RECORDS FOR THE TASK »
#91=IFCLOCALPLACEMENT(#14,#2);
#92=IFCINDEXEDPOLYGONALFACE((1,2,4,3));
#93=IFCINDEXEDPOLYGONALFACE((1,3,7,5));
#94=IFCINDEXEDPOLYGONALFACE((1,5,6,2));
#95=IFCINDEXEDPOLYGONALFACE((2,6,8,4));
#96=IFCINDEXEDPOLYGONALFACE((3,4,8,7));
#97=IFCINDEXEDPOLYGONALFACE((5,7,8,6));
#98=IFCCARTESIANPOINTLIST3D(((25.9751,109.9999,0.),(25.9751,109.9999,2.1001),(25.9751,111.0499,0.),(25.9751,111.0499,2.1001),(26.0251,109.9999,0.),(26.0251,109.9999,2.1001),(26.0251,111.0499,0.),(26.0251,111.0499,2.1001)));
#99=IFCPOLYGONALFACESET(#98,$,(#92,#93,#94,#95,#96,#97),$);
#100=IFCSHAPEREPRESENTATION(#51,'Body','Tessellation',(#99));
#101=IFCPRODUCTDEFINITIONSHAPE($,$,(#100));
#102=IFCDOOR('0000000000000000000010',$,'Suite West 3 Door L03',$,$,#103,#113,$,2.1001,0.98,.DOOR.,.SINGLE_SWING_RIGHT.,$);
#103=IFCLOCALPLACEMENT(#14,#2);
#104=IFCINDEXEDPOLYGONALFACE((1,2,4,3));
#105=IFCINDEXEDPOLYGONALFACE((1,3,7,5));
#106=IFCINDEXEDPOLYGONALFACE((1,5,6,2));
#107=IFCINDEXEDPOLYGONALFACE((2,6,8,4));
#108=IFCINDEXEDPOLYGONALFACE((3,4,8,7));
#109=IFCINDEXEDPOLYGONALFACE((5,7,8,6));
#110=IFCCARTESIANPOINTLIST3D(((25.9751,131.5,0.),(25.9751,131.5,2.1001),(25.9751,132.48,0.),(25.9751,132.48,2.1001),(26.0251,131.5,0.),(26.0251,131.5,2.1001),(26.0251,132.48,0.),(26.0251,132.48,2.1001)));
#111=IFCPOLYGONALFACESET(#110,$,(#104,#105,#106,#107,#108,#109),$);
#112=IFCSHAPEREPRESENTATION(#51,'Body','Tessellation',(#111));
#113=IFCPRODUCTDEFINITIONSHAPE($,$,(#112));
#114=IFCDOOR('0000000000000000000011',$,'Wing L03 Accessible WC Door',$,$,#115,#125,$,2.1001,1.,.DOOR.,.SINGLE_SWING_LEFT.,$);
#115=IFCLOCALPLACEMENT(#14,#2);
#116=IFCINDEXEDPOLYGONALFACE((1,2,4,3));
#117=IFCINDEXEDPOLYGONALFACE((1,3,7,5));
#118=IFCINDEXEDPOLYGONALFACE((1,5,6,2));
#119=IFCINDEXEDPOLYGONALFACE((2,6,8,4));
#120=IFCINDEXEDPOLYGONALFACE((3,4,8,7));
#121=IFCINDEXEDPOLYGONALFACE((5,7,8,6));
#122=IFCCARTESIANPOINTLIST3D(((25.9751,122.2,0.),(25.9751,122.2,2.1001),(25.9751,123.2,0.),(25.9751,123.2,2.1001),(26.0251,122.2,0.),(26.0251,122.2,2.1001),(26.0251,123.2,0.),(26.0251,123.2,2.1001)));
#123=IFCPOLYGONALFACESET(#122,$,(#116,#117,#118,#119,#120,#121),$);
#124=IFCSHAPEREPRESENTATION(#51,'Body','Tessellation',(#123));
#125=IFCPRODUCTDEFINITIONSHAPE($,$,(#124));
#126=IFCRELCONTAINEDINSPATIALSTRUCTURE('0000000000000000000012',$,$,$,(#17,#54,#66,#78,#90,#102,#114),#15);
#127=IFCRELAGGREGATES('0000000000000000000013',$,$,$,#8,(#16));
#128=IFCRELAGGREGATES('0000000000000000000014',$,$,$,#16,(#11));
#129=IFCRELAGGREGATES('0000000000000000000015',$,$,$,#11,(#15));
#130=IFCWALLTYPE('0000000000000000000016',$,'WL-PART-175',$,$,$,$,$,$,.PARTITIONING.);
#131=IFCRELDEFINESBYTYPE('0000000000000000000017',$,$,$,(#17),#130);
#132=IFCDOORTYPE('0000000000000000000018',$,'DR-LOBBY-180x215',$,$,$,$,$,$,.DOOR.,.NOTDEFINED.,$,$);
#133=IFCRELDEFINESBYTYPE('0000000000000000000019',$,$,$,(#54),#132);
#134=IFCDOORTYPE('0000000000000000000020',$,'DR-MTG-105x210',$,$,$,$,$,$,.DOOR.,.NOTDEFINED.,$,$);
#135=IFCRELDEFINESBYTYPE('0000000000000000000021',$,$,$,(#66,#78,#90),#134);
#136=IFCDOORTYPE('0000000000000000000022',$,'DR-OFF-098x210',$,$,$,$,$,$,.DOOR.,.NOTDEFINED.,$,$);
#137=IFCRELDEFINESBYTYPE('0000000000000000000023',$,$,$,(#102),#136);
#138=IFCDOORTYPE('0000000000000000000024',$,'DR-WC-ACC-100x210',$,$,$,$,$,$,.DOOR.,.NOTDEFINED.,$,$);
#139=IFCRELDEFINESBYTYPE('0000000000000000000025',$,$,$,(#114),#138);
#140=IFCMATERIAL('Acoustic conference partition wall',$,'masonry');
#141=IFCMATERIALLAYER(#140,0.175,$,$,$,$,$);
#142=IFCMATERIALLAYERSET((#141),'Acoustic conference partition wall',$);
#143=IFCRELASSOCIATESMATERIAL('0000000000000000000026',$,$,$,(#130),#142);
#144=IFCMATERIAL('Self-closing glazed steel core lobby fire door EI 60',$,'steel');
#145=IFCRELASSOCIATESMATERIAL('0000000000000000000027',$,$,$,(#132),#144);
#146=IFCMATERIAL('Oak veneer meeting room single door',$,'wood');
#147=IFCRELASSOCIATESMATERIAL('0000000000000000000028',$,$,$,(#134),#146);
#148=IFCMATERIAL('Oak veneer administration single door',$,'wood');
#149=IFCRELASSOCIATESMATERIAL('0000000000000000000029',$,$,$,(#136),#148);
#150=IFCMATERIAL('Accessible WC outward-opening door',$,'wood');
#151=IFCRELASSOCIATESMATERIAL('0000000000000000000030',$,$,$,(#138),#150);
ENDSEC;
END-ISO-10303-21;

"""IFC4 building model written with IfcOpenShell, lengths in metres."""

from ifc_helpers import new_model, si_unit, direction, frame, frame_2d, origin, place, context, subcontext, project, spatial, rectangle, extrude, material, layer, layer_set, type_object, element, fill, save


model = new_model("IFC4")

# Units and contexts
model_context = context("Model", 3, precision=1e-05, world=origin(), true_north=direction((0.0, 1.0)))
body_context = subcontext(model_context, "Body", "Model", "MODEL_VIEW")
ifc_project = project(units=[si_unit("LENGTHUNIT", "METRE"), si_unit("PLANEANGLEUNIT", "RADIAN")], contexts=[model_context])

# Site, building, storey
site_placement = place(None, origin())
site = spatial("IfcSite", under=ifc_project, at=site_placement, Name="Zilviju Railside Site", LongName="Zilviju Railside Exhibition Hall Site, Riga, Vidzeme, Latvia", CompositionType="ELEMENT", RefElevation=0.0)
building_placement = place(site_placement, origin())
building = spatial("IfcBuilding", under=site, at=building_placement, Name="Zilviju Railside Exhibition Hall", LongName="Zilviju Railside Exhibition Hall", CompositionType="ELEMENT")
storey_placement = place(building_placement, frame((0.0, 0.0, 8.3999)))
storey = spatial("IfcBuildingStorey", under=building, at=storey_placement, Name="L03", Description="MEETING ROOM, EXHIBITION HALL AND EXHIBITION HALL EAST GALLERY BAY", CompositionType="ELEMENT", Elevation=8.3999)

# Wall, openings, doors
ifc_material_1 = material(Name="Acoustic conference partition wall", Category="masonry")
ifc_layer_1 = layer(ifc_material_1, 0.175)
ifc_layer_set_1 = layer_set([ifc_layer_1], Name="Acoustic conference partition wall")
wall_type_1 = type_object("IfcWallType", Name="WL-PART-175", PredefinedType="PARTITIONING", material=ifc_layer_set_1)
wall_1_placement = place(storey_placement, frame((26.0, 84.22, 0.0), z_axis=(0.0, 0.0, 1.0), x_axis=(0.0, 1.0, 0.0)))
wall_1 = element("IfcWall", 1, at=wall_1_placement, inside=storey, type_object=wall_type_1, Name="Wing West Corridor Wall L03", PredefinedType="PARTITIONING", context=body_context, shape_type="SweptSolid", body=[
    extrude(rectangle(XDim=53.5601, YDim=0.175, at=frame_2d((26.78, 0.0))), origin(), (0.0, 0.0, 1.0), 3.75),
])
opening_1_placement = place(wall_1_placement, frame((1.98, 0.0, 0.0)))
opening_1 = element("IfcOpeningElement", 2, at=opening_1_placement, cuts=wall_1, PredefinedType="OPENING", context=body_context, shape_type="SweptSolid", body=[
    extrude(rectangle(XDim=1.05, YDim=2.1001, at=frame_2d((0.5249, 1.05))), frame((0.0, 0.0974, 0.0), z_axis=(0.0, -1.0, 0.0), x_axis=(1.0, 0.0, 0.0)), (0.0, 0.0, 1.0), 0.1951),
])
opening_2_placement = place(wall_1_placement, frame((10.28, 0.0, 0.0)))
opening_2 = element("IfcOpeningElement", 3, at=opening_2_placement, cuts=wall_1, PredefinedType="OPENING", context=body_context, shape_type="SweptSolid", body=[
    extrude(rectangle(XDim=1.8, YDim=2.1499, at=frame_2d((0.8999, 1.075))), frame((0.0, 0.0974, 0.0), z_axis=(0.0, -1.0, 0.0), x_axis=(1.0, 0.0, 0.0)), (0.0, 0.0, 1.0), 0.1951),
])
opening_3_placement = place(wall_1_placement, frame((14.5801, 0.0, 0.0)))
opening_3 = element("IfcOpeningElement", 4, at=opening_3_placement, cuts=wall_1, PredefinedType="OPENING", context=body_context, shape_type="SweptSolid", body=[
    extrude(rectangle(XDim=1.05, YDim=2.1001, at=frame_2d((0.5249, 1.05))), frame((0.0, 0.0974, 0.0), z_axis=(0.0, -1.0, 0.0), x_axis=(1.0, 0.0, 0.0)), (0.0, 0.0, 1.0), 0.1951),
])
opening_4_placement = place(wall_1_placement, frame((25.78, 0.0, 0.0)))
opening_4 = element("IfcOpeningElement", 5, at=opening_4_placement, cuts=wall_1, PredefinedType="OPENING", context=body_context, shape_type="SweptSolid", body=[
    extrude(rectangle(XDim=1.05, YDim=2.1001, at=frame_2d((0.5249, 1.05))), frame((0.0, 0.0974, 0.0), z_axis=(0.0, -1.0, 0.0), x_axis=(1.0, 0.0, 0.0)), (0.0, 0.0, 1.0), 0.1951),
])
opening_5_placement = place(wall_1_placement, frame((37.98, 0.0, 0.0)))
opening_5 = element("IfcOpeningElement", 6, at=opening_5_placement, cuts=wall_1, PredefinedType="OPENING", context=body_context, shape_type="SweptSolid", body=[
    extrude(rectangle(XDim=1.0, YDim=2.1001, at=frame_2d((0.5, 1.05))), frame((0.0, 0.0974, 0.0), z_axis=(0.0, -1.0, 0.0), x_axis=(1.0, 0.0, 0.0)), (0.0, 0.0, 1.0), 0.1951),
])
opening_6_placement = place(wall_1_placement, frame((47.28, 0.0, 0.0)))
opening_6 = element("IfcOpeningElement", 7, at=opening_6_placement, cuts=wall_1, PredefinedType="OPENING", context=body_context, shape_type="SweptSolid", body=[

PROBLEM TO WORK ON » Please find every line in the records that contains the word "origin", and copy it out.

COMPLETED EXERCISE »
from ifc_helpers import new_model, si_unit, direction, frame, frame_2d, origin, place, context, subcontext, project, spatial, rectangle, extrude, material, layer, layer_set, type_object, element, fill, save
model_context = context("Model", 3, precision=1e-05, world=origin(), true_north=direction((0.0, 1.0)))
site_placement = place(None, origin())
building_placement = place(site_placement, origin())
    extrude(rectangle(XDim=53.5601, YDim=0.175, at=frame_2d((26.78, 0.0))), origin(), (0.0, 0.0, 1.0), 3.75),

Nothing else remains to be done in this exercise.